Work to be completed -
Within the records below, find each line that holds the string "IFCMATERIAL", then copy it.

Stored items
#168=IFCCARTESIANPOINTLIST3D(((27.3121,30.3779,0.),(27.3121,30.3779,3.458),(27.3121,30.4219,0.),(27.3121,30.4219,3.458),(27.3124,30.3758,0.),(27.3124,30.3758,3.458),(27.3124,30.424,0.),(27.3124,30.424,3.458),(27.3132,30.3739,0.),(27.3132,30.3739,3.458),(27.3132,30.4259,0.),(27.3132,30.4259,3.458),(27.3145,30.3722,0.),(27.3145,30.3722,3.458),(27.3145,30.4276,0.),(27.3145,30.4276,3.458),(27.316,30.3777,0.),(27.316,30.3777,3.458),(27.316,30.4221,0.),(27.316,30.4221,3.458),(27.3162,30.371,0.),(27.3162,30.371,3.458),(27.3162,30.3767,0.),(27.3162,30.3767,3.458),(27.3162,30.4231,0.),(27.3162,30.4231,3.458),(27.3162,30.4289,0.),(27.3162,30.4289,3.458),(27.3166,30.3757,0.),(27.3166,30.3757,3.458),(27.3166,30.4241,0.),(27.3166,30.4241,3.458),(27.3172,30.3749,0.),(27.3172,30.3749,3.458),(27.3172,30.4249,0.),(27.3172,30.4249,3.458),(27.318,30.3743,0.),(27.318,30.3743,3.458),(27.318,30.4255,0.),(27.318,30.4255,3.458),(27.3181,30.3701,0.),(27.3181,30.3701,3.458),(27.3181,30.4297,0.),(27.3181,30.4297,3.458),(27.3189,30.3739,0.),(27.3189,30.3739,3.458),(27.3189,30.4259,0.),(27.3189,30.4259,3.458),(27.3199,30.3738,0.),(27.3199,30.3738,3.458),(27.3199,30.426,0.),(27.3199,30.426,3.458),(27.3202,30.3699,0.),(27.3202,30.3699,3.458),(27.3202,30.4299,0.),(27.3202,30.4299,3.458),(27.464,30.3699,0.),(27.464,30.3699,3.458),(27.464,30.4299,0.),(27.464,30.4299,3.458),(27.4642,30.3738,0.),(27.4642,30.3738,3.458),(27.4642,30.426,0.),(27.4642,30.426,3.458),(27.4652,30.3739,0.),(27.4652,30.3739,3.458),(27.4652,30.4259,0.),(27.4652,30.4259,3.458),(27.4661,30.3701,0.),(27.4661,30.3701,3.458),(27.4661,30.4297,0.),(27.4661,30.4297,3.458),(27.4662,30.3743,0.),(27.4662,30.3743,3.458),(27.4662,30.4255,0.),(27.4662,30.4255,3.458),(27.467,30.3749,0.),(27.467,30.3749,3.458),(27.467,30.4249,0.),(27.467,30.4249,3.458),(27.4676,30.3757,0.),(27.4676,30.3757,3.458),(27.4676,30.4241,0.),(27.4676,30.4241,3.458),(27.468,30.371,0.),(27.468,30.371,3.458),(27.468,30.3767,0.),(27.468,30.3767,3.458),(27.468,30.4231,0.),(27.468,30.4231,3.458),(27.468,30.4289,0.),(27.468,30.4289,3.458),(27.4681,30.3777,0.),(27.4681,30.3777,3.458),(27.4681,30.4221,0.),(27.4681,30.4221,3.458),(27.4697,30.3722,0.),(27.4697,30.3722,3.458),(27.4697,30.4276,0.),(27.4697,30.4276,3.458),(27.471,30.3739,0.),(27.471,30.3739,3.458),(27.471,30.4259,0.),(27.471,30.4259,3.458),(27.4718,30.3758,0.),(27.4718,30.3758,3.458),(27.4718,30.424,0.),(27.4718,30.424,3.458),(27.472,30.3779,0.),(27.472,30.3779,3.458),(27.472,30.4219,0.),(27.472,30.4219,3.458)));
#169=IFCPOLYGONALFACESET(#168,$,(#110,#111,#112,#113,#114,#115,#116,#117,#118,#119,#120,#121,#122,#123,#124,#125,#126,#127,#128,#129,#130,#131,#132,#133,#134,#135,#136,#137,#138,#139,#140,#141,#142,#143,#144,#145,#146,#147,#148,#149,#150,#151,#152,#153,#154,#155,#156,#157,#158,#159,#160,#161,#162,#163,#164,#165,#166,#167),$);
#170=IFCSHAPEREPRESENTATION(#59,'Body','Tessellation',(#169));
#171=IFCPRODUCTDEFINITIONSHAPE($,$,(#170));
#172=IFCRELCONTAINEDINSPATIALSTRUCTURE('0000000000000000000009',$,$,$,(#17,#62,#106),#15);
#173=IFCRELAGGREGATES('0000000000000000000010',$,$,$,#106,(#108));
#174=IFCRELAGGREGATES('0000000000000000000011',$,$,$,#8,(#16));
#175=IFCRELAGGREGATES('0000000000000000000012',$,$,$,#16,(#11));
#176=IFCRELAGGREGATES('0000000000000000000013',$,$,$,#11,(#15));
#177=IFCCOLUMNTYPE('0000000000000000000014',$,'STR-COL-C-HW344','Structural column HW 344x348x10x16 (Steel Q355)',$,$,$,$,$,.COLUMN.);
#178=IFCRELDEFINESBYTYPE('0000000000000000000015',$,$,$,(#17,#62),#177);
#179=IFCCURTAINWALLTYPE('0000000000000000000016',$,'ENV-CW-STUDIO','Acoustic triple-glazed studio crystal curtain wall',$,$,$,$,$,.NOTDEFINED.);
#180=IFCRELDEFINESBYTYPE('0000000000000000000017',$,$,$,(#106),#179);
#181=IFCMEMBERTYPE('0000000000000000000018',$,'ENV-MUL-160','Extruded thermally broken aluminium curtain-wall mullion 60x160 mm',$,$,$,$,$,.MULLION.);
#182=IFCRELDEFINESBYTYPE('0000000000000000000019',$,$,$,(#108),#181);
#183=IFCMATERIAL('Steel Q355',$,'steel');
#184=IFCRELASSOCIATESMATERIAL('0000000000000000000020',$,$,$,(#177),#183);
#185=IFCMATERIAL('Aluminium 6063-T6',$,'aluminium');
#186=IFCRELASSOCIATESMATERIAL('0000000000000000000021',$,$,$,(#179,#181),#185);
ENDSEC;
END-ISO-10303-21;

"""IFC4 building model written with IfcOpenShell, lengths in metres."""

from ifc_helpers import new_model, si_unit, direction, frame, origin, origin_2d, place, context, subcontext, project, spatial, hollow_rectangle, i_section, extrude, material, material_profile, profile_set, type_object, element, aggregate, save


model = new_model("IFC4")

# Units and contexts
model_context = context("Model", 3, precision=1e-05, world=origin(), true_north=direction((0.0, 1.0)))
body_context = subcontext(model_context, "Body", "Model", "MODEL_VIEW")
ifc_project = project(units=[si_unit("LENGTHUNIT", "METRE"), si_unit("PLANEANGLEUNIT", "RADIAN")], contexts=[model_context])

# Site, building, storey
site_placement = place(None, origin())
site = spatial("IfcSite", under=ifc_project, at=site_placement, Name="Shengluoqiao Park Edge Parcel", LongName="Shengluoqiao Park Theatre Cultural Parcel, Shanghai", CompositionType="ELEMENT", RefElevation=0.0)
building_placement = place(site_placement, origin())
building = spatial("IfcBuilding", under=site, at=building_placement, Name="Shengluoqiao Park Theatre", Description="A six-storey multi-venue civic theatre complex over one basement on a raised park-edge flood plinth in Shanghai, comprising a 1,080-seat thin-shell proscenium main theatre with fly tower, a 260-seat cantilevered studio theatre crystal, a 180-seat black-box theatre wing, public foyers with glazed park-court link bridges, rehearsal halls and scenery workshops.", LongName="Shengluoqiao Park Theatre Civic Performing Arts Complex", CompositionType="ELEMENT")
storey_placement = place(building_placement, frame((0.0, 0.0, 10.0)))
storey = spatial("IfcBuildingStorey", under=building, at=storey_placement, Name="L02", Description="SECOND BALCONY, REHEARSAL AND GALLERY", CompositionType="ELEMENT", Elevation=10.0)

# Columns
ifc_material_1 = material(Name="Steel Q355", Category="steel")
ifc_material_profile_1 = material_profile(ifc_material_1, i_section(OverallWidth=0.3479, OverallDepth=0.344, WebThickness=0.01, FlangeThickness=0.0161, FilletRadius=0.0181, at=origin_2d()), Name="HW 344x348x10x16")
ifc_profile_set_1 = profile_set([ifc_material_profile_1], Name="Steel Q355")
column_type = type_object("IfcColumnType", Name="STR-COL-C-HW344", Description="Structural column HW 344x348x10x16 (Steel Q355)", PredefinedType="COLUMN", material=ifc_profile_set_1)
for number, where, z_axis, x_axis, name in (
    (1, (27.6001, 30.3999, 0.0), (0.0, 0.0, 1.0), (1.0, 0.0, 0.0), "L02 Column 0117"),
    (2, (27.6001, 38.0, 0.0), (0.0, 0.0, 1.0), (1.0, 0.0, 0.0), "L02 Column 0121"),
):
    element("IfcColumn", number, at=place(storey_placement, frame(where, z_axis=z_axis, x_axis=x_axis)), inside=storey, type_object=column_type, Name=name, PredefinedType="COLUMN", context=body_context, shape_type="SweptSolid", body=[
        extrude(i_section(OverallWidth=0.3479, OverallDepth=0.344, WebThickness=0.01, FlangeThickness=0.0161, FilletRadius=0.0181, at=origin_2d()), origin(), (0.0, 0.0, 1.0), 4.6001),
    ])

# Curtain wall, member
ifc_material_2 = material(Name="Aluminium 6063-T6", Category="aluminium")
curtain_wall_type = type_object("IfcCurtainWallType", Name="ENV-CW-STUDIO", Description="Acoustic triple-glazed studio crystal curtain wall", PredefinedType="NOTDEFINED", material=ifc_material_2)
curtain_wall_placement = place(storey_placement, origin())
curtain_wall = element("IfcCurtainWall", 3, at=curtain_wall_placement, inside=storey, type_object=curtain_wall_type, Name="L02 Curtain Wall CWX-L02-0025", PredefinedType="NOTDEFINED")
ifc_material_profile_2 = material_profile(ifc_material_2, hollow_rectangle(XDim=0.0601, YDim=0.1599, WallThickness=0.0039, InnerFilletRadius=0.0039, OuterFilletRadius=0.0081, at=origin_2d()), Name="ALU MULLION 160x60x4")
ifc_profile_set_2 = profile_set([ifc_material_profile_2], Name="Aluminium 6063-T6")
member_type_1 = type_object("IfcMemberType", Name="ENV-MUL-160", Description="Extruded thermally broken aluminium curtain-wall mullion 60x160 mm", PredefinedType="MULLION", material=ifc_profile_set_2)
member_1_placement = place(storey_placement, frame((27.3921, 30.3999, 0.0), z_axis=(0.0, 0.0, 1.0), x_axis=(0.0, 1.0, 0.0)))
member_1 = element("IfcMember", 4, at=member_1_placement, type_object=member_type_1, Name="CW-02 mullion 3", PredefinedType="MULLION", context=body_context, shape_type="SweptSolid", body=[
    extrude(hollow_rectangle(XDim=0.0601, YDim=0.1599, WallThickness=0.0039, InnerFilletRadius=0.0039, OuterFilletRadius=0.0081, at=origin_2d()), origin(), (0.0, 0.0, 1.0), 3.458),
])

Expected output -
#183=IFCMATERIAL('Steel Q355',$,'steel');
#185=IFCMATERIAL('Aluminium 6063-T6',$,'aluminium');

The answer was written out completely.